Stored records
────────────────

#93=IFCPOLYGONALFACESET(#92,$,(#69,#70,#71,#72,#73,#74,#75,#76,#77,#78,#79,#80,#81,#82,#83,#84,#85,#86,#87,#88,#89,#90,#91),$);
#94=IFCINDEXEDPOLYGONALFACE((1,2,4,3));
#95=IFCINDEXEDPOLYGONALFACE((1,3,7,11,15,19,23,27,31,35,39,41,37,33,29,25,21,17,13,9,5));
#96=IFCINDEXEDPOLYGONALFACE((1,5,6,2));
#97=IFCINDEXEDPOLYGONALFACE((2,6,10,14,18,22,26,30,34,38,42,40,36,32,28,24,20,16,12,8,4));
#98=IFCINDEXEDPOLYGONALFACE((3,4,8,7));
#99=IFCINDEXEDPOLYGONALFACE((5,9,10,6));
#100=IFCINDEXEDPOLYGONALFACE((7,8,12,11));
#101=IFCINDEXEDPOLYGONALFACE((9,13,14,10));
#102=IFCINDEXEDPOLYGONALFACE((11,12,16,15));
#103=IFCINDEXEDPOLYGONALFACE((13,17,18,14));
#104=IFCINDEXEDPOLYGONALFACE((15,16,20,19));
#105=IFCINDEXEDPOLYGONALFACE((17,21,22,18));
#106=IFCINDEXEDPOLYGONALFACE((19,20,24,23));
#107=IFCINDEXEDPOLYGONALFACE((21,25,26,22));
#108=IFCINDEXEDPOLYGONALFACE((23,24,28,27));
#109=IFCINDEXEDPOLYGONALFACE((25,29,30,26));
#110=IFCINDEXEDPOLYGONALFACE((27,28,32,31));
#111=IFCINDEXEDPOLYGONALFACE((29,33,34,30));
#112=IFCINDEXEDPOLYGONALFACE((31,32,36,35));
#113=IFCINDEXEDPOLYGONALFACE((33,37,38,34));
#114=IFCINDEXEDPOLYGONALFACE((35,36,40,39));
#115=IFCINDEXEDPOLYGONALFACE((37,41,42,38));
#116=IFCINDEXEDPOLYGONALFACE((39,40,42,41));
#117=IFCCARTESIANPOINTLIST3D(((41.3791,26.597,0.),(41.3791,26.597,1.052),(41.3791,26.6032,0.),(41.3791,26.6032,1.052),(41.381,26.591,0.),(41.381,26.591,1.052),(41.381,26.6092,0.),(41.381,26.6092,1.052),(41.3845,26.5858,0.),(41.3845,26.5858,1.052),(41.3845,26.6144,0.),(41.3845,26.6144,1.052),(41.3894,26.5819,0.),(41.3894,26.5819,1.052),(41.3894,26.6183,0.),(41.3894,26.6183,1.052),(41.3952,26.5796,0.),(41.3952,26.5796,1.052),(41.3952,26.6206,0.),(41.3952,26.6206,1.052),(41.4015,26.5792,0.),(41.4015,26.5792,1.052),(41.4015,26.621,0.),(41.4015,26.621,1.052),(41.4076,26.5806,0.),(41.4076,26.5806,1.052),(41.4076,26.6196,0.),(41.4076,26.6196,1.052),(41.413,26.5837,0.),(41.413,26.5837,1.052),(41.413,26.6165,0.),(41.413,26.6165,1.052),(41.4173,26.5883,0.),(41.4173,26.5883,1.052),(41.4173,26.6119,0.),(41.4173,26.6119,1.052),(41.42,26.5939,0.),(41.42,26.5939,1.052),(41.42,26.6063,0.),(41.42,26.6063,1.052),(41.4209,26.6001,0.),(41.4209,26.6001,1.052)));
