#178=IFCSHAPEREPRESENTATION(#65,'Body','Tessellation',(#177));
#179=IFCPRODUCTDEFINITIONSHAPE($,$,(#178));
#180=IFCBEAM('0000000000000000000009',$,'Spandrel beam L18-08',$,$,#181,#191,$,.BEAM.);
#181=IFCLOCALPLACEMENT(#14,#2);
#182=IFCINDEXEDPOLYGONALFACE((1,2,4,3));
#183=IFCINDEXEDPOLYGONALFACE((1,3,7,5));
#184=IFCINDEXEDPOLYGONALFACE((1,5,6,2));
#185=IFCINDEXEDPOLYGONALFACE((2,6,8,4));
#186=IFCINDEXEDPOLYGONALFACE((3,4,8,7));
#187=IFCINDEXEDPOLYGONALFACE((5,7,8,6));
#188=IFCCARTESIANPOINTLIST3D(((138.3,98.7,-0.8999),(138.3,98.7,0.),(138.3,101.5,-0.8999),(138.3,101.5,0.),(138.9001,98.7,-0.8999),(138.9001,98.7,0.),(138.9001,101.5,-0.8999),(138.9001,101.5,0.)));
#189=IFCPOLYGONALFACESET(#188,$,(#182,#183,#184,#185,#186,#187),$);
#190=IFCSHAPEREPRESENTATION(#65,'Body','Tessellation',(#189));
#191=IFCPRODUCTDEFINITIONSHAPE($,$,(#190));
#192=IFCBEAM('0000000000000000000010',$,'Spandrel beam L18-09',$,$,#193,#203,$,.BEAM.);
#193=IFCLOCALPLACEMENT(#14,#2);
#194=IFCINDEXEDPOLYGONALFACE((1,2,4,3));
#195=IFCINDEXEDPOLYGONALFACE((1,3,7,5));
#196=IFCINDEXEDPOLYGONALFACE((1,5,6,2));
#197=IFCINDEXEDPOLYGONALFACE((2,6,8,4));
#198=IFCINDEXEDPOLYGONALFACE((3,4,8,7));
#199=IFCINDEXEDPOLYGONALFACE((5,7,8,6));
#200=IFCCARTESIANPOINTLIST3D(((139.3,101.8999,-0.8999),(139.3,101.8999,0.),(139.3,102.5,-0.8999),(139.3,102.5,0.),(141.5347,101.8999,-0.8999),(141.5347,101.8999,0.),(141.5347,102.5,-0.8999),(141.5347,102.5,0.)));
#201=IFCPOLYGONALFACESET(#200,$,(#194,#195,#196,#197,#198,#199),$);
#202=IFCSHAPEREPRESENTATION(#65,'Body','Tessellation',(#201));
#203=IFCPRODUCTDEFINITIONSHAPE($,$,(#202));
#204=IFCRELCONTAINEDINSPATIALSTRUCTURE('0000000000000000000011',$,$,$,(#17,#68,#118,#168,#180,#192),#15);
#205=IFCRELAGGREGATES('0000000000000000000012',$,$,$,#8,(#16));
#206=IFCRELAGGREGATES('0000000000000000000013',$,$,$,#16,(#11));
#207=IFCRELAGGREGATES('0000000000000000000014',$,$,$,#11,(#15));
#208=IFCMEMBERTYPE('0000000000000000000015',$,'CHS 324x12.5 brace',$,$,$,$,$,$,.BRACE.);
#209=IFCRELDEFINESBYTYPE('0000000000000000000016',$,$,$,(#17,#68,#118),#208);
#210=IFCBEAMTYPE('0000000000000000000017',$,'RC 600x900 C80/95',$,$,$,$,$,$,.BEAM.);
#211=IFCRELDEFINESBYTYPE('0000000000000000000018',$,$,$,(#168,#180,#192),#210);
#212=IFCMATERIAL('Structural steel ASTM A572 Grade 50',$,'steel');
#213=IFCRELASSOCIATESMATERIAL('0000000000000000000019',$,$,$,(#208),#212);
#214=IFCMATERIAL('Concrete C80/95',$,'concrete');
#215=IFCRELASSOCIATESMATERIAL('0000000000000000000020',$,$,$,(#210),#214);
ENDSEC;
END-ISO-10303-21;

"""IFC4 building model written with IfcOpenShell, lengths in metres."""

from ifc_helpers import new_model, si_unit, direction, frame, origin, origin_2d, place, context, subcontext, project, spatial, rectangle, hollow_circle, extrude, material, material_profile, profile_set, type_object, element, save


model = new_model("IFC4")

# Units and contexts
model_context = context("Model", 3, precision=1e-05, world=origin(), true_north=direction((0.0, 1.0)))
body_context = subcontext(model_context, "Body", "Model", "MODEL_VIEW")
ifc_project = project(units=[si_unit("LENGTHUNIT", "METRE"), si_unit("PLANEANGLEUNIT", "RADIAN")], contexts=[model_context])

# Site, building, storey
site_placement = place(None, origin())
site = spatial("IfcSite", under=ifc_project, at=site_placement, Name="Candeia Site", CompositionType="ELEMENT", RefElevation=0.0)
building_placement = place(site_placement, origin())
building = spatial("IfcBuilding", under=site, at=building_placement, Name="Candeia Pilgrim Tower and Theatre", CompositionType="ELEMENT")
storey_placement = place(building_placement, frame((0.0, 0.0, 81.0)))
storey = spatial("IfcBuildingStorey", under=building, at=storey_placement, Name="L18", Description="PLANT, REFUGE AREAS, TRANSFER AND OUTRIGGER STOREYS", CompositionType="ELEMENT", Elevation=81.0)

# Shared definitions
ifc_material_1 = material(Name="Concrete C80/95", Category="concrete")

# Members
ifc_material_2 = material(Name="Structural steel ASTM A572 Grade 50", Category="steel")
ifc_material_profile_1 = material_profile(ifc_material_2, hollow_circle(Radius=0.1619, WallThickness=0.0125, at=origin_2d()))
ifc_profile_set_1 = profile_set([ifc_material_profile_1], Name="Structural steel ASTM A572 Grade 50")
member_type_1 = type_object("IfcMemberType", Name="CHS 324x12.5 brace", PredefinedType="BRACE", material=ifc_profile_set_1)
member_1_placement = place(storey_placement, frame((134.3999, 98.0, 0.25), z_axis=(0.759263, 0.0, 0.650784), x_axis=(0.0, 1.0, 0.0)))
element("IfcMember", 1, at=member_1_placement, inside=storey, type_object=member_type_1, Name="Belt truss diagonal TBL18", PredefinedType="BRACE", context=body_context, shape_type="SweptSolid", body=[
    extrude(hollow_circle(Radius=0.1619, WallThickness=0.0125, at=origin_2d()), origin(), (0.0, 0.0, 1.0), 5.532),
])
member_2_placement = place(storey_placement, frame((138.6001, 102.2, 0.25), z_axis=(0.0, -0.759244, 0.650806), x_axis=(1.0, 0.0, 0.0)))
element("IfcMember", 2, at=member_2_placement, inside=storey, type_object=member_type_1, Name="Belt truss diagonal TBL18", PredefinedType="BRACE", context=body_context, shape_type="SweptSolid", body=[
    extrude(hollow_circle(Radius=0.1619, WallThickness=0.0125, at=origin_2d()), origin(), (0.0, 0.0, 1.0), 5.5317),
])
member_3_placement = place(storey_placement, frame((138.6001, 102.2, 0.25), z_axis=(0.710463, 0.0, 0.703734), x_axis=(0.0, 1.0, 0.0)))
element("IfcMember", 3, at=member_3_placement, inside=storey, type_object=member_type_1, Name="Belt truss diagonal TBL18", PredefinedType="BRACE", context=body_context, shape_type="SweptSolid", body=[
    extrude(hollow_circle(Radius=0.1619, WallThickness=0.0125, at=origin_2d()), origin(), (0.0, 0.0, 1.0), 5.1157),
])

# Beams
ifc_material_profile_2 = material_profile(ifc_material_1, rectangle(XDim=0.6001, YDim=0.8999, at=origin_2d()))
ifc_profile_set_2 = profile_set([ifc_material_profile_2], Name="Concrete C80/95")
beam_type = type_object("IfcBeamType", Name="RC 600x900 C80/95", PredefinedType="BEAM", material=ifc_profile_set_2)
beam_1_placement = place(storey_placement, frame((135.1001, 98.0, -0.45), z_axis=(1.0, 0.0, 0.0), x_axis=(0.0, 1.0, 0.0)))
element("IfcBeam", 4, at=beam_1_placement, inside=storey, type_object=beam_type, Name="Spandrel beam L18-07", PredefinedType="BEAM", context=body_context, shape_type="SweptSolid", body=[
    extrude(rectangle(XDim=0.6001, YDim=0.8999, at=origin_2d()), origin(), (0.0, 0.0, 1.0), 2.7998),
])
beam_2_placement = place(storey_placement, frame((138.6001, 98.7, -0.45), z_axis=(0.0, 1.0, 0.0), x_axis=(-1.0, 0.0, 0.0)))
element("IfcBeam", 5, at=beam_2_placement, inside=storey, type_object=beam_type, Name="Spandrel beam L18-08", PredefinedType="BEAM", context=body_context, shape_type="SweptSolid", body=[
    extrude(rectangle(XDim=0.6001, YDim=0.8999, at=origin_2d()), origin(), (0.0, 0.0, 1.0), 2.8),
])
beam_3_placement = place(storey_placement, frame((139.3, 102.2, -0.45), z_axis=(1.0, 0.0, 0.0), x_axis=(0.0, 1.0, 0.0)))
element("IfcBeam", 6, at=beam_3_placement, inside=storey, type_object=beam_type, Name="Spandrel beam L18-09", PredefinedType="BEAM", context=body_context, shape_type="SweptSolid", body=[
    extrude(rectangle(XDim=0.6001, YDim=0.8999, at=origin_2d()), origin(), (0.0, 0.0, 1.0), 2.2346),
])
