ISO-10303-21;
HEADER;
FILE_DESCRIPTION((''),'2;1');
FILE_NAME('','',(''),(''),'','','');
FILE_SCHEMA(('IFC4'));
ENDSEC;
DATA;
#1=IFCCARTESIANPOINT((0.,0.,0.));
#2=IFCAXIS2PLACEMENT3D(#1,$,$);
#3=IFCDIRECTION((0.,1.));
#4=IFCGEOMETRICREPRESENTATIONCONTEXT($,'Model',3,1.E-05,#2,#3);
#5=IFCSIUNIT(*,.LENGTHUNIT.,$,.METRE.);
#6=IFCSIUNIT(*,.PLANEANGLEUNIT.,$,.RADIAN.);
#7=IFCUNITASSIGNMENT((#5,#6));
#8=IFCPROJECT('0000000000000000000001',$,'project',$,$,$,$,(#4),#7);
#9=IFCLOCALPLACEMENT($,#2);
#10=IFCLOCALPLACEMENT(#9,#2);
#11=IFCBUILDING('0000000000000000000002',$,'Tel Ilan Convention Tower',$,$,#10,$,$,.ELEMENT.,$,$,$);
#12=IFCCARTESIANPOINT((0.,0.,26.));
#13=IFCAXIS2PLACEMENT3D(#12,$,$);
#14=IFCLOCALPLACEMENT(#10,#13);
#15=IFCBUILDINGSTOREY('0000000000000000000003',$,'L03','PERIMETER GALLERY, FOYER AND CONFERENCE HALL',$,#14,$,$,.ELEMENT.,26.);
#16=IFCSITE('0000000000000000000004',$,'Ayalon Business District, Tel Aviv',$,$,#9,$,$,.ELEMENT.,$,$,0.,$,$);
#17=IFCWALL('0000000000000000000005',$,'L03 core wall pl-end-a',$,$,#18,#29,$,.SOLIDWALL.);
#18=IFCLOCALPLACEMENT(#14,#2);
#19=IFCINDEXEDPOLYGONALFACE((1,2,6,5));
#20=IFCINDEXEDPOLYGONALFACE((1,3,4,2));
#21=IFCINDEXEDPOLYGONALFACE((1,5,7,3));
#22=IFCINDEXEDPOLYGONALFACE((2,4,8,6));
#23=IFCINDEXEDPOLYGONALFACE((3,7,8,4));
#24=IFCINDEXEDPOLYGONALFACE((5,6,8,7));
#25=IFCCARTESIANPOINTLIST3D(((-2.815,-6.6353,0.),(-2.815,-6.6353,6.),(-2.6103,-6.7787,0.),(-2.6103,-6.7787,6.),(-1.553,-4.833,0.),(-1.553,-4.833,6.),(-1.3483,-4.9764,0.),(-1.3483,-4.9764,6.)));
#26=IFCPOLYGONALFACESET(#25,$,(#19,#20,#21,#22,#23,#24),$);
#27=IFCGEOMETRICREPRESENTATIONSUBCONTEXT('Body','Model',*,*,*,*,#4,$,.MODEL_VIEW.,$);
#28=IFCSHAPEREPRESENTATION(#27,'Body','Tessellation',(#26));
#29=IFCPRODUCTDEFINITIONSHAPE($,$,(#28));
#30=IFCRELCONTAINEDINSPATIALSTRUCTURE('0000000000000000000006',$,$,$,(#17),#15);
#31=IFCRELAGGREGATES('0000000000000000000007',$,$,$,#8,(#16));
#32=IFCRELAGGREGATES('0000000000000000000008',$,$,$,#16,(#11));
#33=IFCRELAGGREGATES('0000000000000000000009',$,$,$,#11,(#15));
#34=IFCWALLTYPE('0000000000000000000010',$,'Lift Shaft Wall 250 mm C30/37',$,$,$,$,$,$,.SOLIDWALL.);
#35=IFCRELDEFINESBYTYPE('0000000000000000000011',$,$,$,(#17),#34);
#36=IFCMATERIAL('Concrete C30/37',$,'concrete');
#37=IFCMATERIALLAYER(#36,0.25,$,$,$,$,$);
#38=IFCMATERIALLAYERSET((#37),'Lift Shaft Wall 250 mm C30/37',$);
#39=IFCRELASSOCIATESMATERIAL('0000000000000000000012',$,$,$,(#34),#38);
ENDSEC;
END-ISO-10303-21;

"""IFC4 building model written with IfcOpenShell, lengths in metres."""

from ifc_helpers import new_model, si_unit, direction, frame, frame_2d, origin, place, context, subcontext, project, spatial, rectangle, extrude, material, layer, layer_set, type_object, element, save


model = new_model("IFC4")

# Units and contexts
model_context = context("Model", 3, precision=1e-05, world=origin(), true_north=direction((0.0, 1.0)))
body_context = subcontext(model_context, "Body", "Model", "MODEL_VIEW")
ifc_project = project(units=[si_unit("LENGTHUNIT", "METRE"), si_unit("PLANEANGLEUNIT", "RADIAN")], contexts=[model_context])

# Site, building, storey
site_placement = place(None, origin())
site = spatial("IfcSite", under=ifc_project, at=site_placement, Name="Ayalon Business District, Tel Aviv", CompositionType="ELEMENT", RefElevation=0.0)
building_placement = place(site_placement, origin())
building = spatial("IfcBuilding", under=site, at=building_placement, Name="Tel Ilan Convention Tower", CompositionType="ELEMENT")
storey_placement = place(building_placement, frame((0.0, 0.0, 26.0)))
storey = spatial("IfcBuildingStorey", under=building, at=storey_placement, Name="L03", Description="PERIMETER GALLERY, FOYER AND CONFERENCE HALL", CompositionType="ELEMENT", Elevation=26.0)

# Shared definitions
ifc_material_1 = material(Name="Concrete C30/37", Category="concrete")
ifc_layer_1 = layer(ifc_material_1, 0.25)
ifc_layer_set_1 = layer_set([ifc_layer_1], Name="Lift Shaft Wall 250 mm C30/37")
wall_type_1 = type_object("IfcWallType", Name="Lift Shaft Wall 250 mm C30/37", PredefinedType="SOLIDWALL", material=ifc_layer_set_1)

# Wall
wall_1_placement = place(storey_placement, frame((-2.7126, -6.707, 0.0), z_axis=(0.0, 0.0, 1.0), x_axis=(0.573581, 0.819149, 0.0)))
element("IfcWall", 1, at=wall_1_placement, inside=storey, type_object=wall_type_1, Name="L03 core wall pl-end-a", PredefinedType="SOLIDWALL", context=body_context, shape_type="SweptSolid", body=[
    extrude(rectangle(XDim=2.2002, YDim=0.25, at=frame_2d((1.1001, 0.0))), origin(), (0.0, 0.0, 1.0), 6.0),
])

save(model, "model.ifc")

────────────────

Work to be completed
Return each line of the records above in which the word "IFCRELCONTAINEDINSPATIALSTRUCTURE" occurs.

Response to this task
#204=IFCRELCONTAINEDINSPATIALSTRUCTURE('0000000000000000000011',$,$,$,(#17,#68,#118,#168,#180,#192),#15);
#30=IFCRELCONTAINEDINSPATIALSTRUCTURE('0000000000000000000006',$,$,$,(#17),#15);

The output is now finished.